■ TASK DESCRIPTION
For every line in the data below, check for the word "Magnolia", then state how many lines have it. Answer with the number only.

+ + + + +

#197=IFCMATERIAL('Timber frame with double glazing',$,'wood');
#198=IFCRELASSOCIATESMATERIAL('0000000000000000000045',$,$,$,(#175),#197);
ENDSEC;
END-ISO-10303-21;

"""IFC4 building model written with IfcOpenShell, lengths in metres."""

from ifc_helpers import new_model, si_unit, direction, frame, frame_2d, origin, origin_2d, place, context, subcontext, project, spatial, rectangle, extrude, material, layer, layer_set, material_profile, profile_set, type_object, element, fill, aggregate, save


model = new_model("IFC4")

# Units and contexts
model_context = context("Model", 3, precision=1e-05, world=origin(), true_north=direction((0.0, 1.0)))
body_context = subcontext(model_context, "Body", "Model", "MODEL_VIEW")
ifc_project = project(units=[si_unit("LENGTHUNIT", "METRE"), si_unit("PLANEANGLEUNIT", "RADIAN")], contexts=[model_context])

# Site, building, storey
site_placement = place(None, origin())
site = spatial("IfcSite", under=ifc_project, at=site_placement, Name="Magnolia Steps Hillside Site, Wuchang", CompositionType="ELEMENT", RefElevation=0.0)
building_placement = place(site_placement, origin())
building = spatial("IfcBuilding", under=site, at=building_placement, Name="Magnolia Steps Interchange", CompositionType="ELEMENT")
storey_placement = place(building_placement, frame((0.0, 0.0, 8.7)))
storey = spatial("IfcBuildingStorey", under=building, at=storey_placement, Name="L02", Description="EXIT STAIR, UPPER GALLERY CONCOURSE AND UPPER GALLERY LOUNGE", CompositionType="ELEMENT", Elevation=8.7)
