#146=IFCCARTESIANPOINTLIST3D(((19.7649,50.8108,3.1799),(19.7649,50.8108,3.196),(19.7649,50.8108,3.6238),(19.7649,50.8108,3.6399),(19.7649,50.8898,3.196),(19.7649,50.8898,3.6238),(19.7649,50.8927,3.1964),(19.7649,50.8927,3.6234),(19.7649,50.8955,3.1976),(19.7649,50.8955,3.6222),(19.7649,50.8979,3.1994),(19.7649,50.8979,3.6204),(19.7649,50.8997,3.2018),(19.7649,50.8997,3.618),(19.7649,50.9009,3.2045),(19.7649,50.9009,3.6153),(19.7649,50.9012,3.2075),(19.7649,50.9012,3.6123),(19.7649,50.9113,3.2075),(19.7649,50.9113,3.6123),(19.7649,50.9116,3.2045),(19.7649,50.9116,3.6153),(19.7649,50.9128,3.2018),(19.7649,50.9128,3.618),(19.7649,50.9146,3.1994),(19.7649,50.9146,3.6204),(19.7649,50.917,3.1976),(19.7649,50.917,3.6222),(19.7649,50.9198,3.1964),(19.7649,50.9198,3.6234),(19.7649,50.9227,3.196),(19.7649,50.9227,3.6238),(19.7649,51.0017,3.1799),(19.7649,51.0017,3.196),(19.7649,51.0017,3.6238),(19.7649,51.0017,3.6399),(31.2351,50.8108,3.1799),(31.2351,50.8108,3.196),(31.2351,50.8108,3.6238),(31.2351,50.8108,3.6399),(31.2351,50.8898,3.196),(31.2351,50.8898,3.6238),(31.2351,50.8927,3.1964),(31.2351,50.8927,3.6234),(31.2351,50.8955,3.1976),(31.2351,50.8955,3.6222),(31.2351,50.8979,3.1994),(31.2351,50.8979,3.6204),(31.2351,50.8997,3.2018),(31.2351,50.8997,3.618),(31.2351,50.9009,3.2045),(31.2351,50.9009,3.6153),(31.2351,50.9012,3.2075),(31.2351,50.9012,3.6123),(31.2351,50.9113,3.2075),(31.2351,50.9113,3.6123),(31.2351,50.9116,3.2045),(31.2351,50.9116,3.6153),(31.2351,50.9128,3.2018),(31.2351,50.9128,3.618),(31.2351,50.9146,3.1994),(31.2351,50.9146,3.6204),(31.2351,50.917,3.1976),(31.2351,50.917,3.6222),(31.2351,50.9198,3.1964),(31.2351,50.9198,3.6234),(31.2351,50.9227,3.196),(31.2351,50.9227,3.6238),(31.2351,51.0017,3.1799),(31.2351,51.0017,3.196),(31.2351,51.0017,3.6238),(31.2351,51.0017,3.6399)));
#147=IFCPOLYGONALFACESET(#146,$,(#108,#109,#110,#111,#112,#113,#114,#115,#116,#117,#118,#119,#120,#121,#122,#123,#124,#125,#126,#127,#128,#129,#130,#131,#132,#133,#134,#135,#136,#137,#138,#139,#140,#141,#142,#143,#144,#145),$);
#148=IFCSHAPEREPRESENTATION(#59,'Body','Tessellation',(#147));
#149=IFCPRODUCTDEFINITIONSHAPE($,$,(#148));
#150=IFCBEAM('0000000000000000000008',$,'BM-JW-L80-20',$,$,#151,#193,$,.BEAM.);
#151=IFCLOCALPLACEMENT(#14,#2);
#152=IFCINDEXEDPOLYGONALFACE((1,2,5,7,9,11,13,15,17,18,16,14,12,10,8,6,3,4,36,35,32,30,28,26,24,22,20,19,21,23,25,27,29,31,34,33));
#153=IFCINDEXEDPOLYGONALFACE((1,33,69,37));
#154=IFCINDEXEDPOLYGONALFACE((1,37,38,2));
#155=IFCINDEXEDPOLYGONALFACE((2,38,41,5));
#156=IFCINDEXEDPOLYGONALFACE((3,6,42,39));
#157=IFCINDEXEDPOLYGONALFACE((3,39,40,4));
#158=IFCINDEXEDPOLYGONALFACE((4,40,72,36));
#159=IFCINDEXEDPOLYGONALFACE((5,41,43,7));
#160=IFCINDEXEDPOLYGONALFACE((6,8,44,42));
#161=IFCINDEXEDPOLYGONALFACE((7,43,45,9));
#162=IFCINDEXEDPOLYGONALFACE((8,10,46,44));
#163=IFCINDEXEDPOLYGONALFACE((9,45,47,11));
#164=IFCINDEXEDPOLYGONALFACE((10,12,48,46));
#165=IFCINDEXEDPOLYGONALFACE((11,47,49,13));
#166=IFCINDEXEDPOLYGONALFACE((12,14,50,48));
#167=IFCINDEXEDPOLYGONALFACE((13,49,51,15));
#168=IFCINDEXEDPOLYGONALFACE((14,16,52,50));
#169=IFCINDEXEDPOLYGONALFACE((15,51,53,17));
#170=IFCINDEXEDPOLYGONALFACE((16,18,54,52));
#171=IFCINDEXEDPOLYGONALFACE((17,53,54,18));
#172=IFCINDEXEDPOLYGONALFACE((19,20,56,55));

+ + + + +

■ ANSWER SPACE
2